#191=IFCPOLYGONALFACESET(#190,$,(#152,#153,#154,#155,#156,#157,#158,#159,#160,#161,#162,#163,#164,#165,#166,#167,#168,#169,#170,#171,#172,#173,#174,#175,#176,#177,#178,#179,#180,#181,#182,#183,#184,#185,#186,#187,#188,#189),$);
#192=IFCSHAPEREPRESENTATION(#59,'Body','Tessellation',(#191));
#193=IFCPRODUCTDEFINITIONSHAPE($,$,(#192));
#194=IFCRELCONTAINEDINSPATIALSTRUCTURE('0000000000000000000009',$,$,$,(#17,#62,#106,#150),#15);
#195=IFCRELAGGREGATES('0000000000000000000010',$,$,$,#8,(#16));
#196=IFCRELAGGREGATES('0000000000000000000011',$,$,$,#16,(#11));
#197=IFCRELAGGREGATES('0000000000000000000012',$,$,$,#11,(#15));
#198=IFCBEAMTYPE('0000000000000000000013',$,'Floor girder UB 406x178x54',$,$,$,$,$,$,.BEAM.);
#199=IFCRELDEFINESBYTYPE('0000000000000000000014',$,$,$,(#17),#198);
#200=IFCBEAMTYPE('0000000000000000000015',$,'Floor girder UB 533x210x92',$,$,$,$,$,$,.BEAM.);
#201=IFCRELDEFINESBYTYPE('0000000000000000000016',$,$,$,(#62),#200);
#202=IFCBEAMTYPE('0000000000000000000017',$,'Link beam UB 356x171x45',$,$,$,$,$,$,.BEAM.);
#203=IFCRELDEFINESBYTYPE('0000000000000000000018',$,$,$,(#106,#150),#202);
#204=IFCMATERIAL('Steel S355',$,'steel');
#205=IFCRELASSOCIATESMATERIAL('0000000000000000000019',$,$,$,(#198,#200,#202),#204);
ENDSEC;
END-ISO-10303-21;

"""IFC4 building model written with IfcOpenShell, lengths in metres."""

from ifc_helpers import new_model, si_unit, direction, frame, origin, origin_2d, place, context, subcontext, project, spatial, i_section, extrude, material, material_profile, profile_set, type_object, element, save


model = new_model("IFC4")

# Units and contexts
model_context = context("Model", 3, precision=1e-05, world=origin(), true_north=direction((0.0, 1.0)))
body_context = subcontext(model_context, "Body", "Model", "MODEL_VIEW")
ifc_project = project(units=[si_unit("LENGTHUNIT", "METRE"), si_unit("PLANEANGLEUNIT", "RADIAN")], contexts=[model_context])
--
## Action item
Your reply should be nothing but the lines from the one containing "world=origin(), true_north=direction((0.0, 1.0)))" through the last line above, copied exactly; please include both ends.

## Task response
model_context = context("Model", 3, precision=1e-05, world=origin(), true_north=direction((0.0, 1.0)))
body_context = subcontext(model_context, "Body", "Model", "MODEL_VIEW")
ifc_project = project(units=[si_unit("LENGTHUNIT", "METRE"), si_unit("PLANEANGLEUNIT", "RADIAN")], contexts=[model_context])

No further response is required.